====== Supplied material

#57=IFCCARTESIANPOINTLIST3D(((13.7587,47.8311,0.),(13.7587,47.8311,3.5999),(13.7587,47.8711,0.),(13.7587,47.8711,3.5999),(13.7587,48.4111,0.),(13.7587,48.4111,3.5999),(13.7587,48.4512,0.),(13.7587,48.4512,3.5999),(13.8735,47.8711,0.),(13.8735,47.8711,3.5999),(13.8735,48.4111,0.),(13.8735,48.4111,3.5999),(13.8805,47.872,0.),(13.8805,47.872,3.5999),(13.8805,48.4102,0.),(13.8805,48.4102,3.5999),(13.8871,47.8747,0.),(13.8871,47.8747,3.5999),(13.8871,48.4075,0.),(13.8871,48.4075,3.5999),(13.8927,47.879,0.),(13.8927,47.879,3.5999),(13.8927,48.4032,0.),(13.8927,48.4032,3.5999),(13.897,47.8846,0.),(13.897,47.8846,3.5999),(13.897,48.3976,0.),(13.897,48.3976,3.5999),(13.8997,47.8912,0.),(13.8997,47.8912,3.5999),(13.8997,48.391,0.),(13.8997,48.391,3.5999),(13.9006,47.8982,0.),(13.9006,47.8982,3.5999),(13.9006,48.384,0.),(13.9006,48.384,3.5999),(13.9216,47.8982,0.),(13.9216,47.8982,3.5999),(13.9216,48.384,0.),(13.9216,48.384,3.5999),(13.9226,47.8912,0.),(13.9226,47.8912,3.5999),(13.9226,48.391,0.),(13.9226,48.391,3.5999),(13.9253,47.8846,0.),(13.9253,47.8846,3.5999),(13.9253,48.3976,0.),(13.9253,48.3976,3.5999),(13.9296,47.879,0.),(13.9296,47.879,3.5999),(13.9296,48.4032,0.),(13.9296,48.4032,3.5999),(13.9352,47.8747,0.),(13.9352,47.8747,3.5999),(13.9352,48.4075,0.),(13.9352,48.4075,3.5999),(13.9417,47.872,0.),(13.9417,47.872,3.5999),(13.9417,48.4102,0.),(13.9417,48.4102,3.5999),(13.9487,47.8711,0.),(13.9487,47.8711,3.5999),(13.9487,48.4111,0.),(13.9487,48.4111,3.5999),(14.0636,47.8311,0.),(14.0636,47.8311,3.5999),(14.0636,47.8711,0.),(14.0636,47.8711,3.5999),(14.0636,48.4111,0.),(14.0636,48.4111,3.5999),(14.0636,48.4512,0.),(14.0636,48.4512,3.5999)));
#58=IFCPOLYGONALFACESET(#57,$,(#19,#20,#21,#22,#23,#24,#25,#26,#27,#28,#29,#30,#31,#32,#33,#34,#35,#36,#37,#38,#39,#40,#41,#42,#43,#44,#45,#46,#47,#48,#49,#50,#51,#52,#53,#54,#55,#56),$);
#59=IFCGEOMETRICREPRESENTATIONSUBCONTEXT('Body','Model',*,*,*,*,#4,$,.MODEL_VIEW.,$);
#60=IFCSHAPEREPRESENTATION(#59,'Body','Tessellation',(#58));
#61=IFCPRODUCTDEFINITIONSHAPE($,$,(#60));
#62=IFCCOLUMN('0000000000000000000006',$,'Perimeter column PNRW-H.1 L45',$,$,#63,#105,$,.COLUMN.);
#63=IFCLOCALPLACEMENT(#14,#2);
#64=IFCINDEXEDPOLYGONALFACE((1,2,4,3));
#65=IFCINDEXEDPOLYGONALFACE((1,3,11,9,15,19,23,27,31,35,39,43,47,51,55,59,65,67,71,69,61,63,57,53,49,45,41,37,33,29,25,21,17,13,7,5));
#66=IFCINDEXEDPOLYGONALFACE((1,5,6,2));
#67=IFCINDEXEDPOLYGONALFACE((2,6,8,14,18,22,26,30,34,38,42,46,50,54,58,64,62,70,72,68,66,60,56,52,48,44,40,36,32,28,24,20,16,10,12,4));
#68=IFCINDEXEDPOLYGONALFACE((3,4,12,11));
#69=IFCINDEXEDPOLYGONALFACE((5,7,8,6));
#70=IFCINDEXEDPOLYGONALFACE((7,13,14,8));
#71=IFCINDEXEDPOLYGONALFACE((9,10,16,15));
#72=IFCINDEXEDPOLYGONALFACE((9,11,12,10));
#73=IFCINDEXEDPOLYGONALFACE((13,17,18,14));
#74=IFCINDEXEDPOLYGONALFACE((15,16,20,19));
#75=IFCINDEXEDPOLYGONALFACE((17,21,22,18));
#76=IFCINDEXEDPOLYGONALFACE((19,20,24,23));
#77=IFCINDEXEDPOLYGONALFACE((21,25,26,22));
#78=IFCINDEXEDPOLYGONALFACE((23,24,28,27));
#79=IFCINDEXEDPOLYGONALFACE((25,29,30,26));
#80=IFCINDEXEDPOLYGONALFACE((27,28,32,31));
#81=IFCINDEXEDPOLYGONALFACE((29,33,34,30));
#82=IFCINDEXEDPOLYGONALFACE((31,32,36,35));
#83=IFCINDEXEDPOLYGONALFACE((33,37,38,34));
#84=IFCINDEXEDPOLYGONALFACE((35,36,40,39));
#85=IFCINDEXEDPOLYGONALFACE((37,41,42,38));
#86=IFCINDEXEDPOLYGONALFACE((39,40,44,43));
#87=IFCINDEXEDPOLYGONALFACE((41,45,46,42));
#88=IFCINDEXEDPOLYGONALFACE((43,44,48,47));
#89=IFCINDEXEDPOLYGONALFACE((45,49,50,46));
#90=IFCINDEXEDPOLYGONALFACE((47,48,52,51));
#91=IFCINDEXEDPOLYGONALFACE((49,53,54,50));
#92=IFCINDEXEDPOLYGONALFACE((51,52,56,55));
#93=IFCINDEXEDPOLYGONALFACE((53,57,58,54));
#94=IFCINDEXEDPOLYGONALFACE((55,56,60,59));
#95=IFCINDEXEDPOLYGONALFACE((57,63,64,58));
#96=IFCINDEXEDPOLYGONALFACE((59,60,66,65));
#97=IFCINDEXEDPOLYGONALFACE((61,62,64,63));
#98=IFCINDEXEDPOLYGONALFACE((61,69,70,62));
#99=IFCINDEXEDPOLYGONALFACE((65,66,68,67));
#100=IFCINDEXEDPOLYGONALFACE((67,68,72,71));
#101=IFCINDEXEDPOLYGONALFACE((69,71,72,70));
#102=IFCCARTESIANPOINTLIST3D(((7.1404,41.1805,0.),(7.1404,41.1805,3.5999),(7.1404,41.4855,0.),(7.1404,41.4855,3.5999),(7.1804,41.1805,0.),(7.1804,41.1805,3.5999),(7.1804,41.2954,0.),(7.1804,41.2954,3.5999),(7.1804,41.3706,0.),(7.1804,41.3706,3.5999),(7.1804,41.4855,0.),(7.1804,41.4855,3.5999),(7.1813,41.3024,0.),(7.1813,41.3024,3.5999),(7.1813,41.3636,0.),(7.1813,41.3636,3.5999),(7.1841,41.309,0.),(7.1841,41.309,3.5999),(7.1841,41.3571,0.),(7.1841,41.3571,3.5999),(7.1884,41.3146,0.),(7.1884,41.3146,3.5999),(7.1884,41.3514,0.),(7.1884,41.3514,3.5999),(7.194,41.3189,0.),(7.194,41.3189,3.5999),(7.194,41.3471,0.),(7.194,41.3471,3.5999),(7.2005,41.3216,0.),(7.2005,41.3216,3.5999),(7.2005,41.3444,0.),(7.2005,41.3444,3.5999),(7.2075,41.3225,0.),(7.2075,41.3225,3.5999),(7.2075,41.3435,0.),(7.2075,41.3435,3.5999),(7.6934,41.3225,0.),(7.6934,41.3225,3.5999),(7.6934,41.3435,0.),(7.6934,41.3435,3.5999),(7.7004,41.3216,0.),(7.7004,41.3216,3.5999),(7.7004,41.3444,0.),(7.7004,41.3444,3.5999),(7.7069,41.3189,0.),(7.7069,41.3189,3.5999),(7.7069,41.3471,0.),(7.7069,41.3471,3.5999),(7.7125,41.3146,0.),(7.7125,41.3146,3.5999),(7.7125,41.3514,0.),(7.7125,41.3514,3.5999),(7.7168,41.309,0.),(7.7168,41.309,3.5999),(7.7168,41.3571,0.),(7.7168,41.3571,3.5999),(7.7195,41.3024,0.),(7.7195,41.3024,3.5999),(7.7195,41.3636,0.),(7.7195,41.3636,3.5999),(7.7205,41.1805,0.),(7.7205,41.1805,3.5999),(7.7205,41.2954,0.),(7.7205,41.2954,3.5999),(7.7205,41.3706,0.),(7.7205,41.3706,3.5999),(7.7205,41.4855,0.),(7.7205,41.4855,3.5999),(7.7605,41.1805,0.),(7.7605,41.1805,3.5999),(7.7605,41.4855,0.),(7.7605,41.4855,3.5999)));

============
====== Supplied material

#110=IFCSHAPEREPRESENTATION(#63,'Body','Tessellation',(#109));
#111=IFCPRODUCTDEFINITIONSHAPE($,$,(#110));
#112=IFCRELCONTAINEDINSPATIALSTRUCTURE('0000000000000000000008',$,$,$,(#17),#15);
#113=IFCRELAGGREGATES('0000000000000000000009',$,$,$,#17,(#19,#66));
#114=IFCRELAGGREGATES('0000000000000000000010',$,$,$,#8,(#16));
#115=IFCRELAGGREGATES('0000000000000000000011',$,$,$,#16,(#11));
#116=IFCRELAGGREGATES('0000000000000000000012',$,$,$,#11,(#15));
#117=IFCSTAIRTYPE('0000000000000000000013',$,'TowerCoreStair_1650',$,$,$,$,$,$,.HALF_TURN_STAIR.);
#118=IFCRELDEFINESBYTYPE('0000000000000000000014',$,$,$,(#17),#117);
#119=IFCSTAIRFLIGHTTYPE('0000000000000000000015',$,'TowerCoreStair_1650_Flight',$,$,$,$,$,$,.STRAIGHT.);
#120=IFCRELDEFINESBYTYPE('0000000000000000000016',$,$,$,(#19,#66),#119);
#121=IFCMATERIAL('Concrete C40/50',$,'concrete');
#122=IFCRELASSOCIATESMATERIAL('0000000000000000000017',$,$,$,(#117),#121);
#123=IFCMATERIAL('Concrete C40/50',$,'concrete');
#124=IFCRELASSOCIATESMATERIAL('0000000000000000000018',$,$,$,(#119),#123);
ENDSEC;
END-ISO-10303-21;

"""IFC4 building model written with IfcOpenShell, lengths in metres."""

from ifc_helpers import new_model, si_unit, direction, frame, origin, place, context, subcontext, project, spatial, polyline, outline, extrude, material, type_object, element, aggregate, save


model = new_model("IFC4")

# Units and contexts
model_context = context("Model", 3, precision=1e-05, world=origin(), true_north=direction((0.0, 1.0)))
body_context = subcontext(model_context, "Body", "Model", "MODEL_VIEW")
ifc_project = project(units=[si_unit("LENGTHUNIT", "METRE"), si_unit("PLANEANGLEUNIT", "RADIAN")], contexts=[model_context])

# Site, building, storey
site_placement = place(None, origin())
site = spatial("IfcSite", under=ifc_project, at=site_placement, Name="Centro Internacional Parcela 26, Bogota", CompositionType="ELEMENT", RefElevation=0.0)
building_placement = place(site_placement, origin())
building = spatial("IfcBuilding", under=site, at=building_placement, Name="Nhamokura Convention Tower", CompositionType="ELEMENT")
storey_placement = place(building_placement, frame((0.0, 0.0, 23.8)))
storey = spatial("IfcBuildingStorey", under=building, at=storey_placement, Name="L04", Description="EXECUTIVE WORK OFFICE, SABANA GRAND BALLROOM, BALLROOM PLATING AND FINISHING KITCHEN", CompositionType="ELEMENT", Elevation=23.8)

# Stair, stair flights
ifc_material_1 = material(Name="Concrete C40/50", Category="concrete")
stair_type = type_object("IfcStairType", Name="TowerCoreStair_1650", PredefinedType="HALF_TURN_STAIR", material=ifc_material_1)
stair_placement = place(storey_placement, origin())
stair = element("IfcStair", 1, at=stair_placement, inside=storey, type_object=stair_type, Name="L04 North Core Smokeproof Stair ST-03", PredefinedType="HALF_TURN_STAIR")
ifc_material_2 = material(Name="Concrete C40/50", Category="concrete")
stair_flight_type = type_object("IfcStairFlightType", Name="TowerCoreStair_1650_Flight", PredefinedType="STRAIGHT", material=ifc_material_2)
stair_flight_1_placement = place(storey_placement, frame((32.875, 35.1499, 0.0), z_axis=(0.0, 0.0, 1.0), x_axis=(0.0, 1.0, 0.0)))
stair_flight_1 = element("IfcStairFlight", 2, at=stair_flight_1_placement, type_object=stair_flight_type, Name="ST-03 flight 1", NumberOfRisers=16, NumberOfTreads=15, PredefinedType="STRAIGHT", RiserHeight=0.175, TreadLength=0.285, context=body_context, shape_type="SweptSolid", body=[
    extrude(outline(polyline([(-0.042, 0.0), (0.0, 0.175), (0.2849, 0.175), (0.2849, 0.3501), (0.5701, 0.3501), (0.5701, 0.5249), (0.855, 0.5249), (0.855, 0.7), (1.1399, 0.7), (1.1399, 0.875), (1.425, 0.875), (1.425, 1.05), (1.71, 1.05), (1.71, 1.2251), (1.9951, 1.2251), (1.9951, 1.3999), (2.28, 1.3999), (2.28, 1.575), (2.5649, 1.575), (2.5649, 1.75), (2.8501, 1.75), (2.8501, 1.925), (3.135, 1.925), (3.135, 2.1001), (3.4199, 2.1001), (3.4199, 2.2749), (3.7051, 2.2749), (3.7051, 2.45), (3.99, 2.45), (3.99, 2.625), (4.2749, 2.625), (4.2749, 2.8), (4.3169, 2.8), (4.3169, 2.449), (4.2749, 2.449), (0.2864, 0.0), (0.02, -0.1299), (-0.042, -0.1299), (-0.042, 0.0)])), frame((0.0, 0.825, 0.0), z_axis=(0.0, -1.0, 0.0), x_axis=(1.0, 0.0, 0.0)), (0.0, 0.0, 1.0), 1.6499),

============
====== Supplied material

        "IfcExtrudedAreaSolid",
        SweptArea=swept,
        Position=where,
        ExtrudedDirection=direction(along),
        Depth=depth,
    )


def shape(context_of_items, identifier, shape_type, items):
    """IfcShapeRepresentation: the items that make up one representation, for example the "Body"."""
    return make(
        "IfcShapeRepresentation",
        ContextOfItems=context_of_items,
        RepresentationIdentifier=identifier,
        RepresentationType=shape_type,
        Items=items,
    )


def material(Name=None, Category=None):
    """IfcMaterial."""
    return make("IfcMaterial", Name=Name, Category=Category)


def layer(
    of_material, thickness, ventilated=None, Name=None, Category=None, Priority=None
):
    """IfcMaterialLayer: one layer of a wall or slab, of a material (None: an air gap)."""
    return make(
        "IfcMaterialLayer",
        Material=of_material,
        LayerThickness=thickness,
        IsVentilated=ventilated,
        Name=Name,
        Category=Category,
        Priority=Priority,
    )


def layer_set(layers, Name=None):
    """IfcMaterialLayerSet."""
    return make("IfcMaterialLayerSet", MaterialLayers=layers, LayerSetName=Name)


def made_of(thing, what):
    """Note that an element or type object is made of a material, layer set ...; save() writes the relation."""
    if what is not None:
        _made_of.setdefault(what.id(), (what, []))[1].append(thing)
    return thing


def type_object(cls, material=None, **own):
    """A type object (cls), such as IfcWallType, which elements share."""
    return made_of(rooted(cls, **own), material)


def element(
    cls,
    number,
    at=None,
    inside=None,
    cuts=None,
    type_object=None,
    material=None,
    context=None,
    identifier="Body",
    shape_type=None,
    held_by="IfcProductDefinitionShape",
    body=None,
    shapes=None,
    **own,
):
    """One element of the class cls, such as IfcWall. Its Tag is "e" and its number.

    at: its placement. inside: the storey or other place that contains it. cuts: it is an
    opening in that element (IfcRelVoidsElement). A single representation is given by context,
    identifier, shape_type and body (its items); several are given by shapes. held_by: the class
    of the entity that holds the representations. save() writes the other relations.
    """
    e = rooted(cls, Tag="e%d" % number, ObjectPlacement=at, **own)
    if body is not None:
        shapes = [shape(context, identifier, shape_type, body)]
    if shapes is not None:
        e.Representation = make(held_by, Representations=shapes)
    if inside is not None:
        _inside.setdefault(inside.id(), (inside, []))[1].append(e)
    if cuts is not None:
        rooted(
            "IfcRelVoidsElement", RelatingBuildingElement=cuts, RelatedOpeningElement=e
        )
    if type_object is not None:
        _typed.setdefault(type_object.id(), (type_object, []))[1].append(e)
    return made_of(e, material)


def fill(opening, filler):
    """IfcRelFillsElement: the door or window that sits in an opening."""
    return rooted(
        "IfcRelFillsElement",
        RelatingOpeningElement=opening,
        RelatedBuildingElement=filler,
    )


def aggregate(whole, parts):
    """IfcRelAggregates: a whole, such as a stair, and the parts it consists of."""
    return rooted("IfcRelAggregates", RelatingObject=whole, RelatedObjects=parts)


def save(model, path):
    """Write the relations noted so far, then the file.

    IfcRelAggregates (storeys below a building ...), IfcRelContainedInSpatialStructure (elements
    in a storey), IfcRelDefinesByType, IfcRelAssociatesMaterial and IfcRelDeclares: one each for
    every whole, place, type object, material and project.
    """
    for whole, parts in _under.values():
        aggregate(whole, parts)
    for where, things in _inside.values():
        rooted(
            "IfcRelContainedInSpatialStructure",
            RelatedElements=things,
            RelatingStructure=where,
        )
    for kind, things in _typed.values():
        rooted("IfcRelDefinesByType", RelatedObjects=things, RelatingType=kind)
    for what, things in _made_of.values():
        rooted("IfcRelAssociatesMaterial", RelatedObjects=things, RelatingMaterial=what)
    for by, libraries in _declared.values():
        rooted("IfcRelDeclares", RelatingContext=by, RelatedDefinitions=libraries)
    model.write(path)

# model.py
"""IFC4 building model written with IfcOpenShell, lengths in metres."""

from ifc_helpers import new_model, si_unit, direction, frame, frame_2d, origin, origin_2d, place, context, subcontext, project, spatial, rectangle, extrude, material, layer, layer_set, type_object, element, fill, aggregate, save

============

**Work instructions:**
Set down only the lines above that fall between the line holding "#82=IFCINDEXEDPOLYGONALFACE((31,32,36,35));" and the line holding "#91=IFCINDEXEDPOLYGONALFACE((49,53,54,50));", inclusive, keeping each exact.

**Output of the exercise:**
#82=IFCINDEXEDPOLYGONALFACE((31,32,36,35));
#83=IFCINDEXEDPOLYGONALFACE((33,37,38,34));
#84=IFCINDEXEDPOLYGONALFACE((35,36,40,39));
#85=IFCINDEXEDPOLYGONALFACE((37,41,42,38));
#86=IFCINDEXEDPOLYGONALFACE((39,40,44,43));
#87=IFCINDEXEDPOLYGONALFACE((41,45,46,42));
#88=IFCINDEXEDPOLYGONALFACE((43,44,48,47));
#89=IFCINDEXEDPOLYGONALFACE((45,49,50,46));
#90=IFCINDEXEDPOLYGONALFACE((47,48,52,51));
#91=IFCINDEXEDPOLYGONALFACE((49,53,54,50));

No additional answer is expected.